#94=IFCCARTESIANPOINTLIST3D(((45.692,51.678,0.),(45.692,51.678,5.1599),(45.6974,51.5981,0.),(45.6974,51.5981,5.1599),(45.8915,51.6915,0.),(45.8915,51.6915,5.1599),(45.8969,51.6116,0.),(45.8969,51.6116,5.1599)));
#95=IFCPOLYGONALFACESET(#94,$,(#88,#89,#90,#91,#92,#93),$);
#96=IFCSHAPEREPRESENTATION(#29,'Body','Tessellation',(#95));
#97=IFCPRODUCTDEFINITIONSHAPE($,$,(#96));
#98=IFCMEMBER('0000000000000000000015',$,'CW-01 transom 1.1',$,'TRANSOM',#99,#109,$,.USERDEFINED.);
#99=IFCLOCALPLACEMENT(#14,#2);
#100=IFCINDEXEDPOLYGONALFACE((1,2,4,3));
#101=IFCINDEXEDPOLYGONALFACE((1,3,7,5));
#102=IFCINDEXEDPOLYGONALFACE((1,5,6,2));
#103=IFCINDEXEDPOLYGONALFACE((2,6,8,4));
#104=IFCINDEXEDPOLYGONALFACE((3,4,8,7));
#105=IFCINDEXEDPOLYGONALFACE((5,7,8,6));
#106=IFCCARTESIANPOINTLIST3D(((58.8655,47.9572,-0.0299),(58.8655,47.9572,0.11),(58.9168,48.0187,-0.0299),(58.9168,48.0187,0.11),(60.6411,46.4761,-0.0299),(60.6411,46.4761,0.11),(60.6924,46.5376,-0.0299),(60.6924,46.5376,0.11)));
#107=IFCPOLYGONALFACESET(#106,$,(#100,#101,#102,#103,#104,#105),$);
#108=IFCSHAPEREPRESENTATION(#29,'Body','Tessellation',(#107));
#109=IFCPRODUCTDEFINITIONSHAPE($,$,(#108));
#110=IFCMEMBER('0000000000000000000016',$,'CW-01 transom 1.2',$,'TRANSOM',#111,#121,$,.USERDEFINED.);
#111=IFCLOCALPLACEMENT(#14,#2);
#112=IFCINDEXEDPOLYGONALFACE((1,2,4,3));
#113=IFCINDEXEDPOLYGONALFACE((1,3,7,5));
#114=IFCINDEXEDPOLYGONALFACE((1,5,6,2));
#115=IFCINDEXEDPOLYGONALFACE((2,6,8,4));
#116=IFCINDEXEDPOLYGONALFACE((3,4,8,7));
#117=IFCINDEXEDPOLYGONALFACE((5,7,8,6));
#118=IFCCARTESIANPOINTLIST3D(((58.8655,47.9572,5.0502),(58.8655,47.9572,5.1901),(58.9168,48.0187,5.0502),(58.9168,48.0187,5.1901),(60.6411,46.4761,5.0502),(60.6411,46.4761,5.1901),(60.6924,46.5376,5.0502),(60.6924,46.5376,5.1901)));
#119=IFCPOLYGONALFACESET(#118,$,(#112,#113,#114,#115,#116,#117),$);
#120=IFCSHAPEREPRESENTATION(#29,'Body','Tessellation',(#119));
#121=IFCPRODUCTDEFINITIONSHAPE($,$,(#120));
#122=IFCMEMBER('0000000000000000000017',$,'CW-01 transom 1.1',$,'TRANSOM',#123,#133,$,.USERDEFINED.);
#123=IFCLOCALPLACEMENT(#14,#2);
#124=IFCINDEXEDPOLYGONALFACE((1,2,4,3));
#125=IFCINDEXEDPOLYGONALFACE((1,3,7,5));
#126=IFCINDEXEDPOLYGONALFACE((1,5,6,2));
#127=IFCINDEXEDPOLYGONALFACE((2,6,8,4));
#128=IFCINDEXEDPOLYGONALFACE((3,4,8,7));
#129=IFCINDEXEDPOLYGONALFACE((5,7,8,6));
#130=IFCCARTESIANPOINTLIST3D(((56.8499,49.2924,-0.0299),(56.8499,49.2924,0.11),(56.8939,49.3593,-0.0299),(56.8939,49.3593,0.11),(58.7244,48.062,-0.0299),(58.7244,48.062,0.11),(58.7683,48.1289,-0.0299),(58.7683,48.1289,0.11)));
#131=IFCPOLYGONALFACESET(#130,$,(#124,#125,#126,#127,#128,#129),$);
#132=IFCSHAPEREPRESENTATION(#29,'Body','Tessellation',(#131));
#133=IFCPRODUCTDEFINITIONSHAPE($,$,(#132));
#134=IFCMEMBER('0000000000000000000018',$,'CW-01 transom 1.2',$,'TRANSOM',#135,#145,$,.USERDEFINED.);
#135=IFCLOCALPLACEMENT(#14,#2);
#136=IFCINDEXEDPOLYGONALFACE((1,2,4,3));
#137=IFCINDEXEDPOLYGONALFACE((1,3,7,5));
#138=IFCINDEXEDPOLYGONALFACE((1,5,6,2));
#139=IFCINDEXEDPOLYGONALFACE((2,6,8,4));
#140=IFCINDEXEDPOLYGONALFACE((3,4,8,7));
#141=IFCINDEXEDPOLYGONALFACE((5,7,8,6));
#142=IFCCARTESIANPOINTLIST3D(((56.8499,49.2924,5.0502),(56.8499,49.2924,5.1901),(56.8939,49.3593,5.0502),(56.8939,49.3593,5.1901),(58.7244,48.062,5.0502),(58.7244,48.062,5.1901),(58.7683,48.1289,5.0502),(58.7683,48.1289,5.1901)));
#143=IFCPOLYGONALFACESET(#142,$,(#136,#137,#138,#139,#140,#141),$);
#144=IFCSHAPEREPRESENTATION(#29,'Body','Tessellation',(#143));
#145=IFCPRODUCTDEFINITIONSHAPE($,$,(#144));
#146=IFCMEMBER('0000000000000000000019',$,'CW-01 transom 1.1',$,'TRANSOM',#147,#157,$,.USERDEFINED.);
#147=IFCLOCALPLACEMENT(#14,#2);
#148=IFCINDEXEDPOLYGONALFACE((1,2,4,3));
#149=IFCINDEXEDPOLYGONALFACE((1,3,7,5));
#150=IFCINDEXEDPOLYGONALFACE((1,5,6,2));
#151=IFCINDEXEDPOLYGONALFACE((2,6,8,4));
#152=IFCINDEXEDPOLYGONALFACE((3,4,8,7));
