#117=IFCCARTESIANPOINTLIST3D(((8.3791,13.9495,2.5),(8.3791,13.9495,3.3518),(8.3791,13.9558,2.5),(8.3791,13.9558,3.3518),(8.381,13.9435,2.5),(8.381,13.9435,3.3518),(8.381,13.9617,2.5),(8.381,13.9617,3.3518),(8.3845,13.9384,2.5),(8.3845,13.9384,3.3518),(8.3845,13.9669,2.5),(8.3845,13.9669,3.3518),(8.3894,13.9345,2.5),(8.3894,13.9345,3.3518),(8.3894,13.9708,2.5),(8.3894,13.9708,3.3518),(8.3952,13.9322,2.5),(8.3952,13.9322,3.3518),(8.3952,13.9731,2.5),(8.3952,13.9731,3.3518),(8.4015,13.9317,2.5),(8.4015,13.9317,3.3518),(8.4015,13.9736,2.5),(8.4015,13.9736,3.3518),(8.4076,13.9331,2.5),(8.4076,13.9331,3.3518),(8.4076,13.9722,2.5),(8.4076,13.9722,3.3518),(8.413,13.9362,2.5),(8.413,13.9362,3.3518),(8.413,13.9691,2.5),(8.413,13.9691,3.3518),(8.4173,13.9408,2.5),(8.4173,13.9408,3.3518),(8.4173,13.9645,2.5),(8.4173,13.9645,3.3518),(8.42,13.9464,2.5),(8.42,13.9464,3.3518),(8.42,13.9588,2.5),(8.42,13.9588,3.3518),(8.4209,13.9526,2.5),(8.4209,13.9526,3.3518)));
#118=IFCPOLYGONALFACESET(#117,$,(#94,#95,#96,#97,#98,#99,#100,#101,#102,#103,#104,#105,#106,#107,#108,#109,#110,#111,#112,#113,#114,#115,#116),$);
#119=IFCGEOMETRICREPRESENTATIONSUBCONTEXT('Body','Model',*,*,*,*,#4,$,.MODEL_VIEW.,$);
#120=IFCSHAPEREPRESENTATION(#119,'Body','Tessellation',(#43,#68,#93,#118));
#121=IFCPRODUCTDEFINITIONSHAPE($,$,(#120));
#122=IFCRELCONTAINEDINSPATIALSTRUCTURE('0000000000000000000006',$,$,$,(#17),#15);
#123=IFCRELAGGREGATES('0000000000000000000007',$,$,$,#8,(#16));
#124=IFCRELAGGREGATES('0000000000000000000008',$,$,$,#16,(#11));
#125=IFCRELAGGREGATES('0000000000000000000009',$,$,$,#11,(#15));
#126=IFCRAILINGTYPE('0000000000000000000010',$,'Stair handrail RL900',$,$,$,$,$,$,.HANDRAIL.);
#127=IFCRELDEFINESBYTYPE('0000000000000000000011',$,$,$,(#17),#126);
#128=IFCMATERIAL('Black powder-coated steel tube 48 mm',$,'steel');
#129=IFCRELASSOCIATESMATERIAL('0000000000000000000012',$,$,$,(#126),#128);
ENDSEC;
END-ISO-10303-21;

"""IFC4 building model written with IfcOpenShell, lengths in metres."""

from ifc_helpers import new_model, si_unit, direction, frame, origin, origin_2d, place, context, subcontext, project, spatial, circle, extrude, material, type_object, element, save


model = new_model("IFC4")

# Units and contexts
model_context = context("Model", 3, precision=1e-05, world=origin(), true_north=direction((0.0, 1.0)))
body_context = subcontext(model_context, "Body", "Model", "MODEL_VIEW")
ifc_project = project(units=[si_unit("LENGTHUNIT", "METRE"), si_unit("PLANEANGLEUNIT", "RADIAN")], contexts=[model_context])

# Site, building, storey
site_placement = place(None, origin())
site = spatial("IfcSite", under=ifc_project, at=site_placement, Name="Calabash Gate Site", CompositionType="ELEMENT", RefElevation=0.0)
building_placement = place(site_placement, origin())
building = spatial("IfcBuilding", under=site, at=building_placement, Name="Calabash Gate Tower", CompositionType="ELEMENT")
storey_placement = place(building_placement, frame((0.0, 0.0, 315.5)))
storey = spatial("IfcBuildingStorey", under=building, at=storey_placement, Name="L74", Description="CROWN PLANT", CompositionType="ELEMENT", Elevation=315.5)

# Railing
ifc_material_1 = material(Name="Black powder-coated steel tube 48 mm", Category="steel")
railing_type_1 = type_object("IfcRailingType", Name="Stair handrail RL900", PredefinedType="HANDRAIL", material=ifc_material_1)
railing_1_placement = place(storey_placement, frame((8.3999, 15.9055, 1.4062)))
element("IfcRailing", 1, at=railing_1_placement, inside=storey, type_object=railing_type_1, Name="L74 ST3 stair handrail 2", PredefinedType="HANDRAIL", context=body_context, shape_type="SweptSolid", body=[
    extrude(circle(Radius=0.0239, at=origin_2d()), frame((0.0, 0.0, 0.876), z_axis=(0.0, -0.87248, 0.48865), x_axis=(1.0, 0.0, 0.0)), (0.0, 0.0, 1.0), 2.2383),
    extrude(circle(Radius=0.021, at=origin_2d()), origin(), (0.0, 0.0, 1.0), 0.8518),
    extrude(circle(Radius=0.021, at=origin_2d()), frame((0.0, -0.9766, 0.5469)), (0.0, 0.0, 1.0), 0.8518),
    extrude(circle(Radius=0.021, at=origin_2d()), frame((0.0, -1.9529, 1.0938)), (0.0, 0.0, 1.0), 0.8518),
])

- _EXERCISE_: With the line holding "#101=IFCINDEXEDPOLYGONALFACE((1,3,7,5));" as the first and the line holding "#105=IFCINDEXEDPOLYGONALFACE((5,7,8,6));" as the last, please transcribe exactly the lines of the material above in that range and nothing else.

- _ANSWER SECTION_:
#101=IFCINDEXEDPOLYGONALFACE((1,3,7,5));
#102=IFCINDEXEDPOLYGONALFACE((1,5,6,2));
#103=IFCINDEXEDPOLYGONALFACE((2,6,8,4));
#104=IFCINDEXEDPOLYGONALFACE((3,4,8,7));
#105=IFCINDEXEDPOLYGONALFACE((5,7,8,6));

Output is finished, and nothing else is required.